§ **Task to carry out**: Pull every line holding the word "OperationType" from the data below and copy it.

§ **Collected data entries**:
★ ★ ★ ★
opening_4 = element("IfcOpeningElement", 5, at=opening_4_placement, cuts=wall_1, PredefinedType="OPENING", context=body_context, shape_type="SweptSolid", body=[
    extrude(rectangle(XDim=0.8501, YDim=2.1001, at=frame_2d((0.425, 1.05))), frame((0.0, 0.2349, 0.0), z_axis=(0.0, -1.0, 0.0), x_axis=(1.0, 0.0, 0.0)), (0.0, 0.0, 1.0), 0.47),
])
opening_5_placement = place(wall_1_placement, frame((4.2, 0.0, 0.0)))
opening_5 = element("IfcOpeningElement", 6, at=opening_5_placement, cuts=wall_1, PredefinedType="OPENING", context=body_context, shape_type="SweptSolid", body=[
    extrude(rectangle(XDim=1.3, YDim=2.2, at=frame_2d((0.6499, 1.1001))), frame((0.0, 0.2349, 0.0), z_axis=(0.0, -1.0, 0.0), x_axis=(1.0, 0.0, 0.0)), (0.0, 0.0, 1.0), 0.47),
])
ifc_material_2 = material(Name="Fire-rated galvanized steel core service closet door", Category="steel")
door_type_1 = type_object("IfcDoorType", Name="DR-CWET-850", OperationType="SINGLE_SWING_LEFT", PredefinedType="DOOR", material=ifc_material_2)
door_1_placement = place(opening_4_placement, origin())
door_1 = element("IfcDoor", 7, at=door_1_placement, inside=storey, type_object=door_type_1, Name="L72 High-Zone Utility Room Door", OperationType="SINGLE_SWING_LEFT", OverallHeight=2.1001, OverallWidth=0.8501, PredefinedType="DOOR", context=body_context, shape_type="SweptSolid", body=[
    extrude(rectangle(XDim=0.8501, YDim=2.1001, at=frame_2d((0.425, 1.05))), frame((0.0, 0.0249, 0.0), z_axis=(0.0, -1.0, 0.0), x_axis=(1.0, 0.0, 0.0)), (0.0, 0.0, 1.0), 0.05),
★ ★ ★ ★
§ **Final answer**:
door_type_1 = type_object("IfcDoorType", Name="DR-CWET-850", OperationType="SINGLE_SWING_LEFT", PredefinedType="DOOR", material=ifc_material_2)
door_1 = element("IfcDoor", 7, at=door_1_placement, inside=storey, type_object=door_type_1, Name="L72 High-Zone Utility Room Door", OperationType="SINGLE_SWING_LEFT", OverallHeight=2.1001, OverallWidth=0.8501, PredefinedType="DOOR", context=body_context, shape_type="SweptSolid", body=[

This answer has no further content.